**PROBLEM DETAILS:**
Whenever the word "IFCPOLYGONALFACESET" appears in a line of the data below, copy that line.

*** AVAILABLE RECORDS Section Begins ***

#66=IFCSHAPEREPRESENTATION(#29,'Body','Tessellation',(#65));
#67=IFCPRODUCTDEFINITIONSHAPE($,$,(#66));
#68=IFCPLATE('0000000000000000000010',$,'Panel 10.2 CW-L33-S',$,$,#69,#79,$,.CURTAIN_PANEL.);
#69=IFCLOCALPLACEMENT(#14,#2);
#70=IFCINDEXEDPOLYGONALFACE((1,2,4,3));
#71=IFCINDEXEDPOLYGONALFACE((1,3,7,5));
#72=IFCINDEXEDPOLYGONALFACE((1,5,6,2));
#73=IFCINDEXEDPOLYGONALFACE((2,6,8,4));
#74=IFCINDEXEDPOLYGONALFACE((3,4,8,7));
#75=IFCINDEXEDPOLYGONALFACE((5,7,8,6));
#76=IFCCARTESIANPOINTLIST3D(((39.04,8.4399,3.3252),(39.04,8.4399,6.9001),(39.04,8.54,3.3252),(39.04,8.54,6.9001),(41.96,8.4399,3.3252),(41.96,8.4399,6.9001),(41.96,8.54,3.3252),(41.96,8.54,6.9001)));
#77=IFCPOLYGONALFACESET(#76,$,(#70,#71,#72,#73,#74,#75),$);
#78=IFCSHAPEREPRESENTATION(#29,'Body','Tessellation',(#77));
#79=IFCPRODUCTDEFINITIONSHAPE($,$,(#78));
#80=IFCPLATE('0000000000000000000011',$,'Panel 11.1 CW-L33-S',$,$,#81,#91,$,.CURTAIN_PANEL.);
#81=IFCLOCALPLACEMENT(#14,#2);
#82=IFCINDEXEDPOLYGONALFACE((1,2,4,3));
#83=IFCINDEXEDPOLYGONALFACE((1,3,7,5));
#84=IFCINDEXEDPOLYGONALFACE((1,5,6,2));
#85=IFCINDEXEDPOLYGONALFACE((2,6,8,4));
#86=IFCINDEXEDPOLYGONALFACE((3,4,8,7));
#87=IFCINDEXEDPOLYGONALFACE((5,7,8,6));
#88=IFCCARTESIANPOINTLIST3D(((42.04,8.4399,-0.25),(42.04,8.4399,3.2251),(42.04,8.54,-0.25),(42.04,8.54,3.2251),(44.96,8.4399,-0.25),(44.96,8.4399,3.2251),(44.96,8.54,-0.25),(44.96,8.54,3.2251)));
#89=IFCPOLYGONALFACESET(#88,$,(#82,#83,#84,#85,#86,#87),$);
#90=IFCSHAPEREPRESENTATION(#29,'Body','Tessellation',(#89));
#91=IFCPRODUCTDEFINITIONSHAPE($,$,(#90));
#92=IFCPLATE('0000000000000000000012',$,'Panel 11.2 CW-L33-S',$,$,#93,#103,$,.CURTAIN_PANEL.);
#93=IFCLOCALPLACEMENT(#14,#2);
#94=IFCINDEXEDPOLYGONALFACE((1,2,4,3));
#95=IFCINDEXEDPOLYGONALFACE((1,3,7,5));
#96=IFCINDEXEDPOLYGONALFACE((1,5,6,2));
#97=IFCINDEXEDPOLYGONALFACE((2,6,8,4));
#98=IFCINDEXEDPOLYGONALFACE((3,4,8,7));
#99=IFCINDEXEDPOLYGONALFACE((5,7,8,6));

*** AVAILABLE RECORDS Section Ends ***

**RESPONSE AREA:**
#77=IFCPOLYGONALFACESET(#76,$,(#70,#71,#72,#73,#74,#75),$);
#89=IFCPOLYGONALFACESET(#88,$,(#82,#83,#84,#85,#86,#87),$);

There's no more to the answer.